▶ [EXERCISE]: Go through the records below and tally the lines that include "IFCLOCALPLACEMENT". Answer with the number only.

=== Begin Enclosure ===

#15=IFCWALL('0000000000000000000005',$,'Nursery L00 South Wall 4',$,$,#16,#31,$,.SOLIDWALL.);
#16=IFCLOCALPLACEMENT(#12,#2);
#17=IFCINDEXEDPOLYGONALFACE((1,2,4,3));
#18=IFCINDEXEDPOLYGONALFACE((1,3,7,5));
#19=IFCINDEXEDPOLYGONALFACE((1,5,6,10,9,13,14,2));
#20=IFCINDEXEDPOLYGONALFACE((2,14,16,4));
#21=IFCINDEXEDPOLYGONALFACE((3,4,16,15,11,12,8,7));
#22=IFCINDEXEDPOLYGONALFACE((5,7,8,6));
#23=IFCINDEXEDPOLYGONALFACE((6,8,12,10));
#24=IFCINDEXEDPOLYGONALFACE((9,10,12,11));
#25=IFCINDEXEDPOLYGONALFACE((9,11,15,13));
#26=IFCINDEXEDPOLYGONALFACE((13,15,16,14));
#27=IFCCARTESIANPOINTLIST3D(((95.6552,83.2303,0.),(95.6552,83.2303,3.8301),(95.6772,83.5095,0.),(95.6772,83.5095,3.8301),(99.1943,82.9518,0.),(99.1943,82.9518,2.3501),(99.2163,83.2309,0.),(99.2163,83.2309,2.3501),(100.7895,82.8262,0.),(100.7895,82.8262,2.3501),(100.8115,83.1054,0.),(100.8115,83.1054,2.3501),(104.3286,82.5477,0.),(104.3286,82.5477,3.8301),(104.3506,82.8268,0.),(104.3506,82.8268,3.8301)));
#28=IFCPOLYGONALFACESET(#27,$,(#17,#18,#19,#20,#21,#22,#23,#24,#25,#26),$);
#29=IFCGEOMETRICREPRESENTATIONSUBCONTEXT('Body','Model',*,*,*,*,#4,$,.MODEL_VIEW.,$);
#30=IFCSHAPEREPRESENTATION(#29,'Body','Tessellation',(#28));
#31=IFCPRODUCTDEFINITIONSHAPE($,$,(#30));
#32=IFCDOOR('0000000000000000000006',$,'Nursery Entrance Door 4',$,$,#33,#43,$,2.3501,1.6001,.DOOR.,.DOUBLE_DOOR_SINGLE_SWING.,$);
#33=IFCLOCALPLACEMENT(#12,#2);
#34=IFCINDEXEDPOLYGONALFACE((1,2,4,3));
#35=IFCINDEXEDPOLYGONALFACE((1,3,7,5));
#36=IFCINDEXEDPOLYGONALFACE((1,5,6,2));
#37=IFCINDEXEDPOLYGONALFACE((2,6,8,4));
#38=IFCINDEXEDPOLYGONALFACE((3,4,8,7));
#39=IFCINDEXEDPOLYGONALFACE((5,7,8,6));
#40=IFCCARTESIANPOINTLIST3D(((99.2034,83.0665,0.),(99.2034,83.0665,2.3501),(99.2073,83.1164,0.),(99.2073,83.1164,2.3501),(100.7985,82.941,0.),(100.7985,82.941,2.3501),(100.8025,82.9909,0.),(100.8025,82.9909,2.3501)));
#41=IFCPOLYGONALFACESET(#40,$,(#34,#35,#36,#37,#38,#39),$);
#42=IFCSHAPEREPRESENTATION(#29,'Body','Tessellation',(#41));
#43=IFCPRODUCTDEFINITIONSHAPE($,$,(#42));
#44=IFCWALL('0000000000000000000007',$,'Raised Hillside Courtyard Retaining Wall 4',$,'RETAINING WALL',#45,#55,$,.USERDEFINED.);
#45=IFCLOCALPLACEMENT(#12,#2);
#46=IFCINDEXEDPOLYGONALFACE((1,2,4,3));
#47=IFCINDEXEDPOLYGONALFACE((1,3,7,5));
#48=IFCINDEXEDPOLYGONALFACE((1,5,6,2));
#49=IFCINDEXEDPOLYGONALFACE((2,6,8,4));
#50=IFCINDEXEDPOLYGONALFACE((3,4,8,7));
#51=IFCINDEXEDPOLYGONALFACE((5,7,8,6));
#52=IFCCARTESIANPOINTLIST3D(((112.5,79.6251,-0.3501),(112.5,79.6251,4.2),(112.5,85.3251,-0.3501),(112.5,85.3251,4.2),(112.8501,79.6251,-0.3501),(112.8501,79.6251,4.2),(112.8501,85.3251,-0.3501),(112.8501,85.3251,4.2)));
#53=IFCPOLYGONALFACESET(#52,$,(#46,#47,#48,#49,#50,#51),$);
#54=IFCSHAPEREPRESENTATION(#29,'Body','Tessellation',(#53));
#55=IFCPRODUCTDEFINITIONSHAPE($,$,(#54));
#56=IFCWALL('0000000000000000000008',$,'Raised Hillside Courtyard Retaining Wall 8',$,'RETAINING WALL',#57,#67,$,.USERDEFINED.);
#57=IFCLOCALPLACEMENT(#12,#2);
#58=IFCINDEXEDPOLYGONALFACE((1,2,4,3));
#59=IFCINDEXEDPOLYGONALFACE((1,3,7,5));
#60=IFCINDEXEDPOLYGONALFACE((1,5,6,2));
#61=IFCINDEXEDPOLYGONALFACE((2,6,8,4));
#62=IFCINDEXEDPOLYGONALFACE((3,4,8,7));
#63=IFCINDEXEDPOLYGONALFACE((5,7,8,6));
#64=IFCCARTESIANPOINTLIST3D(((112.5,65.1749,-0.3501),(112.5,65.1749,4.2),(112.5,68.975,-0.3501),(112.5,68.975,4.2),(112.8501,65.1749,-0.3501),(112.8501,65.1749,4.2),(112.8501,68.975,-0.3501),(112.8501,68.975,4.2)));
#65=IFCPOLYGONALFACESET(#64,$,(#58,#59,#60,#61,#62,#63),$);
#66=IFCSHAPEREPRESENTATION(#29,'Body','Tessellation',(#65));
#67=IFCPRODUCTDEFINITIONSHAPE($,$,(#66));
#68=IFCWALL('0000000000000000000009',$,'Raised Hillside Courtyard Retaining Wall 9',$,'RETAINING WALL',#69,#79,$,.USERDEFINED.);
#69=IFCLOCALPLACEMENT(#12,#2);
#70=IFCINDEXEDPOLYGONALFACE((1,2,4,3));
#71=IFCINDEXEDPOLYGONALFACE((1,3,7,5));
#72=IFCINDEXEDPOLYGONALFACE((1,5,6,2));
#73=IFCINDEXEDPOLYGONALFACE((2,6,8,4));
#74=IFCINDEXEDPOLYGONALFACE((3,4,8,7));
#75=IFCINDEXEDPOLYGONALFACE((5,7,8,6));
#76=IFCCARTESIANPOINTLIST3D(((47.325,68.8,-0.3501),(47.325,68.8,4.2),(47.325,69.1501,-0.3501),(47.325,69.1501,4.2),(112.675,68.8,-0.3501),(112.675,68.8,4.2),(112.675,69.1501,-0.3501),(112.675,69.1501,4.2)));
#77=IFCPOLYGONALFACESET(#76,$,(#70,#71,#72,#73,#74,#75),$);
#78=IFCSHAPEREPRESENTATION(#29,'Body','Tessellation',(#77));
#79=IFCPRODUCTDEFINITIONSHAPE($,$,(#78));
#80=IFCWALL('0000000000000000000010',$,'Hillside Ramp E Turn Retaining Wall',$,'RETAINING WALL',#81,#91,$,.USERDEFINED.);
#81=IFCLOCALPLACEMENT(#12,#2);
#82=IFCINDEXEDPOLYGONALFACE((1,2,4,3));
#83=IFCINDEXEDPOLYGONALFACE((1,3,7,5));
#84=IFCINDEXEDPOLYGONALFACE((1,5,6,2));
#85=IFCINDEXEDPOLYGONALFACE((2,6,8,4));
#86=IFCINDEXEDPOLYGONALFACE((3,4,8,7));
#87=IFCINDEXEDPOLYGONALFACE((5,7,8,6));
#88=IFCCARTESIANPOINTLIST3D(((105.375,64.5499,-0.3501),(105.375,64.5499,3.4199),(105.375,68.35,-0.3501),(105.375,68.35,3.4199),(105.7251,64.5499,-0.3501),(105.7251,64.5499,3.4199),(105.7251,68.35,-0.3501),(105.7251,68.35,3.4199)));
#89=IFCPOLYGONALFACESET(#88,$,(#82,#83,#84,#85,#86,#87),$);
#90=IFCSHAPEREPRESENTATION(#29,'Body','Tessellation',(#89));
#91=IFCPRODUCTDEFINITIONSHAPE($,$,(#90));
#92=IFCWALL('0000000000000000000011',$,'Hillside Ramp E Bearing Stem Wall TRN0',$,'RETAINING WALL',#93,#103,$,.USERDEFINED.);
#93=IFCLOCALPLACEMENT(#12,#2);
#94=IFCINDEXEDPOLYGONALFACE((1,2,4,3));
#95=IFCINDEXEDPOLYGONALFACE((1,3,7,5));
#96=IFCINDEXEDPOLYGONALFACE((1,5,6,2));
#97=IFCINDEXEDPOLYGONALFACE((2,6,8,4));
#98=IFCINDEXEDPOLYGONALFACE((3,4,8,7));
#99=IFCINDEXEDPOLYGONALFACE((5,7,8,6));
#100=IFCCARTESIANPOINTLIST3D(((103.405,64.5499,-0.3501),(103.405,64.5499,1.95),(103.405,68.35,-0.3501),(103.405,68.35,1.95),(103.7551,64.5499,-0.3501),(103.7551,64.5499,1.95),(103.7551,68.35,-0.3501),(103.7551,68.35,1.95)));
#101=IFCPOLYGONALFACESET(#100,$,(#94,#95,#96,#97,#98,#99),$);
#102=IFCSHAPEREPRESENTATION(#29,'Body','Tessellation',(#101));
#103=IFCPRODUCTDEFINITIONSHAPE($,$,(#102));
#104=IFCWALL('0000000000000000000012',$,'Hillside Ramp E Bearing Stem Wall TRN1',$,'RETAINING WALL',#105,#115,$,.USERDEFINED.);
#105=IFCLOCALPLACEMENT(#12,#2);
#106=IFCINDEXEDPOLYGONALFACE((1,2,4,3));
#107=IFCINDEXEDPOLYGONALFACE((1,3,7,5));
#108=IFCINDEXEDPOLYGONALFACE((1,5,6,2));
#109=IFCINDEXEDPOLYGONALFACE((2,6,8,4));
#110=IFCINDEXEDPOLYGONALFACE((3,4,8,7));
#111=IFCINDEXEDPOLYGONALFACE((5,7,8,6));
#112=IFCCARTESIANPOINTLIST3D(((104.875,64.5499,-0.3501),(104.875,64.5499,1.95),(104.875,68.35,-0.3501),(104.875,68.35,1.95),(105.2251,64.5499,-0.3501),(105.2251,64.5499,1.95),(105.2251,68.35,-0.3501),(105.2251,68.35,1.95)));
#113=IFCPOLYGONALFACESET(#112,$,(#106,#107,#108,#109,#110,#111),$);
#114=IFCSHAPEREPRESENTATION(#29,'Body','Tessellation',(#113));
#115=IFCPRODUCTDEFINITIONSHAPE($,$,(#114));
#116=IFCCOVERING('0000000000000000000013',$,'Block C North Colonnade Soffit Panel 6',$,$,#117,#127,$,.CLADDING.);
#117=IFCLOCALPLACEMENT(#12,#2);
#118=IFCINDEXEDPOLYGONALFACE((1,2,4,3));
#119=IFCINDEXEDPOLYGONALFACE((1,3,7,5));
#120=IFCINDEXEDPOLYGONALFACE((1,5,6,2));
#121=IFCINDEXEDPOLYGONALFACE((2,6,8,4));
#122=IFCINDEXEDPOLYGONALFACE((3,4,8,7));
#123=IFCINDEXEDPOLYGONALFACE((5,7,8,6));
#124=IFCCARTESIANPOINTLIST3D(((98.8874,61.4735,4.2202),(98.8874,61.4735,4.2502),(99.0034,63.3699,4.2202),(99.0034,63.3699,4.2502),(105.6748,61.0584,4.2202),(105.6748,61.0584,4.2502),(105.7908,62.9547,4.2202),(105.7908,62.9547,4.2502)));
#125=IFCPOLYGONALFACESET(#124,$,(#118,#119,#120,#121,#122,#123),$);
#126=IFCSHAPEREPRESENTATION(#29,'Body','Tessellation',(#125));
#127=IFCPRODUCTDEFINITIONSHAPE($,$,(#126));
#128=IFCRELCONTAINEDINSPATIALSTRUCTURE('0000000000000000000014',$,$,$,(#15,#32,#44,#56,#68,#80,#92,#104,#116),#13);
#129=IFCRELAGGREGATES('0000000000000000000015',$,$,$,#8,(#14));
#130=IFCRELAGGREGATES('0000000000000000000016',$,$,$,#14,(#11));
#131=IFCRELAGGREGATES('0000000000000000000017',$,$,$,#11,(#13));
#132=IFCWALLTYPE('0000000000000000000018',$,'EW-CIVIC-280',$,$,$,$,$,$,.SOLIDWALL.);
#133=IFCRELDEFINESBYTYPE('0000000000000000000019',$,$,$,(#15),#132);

=== End Enclosure ===
=== Begin Enclosure ===

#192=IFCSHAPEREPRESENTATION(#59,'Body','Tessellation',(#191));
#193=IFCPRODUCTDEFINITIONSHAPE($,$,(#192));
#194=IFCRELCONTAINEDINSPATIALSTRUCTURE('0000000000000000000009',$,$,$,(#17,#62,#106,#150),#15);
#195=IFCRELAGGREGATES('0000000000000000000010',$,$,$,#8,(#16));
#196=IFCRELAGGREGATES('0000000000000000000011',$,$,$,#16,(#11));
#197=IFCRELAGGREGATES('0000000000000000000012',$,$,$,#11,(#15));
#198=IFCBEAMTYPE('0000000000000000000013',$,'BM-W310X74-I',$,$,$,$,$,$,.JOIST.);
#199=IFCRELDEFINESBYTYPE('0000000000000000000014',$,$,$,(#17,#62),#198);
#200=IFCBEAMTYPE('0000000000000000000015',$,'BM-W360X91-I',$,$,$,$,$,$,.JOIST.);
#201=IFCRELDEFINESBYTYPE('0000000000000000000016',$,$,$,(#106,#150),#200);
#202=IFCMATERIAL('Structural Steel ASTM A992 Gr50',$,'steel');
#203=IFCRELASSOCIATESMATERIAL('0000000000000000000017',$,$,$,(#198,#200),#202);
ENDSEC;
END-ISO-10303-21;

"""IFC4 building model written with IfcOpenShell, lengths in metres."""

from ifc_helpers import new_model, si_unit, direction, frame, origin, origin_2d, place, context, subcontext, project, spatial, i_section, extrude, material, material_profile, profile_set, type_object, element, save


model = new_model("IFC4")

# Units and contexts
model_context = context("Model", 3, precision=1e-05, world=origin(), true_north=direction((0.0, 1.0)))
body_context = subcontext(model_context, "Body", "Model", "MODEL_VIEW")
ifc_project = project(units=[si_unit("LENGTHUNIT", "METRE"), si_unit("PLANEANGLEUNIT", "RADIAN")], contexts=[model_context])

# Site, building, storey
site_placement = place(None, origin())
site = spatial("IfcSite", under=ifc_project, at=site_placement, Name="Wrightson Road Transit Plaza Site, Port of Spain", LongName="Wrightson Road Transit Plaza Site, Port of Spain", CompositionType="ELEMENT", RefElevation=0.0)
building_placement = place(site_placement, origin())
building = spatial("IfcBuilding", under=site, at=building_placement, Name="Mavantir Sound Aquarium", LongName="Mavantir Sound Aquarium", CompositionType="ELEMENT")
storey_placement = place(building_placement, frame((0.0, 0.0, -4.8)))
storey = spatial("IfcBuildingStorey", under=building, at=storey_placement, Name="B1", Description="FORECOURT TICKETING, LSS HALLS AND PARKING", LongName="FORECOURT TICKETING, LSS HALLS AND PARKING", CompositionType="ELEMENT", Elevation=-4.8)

=== End Enclosure ===

▶ [WRITTEN RESPONSE]: 9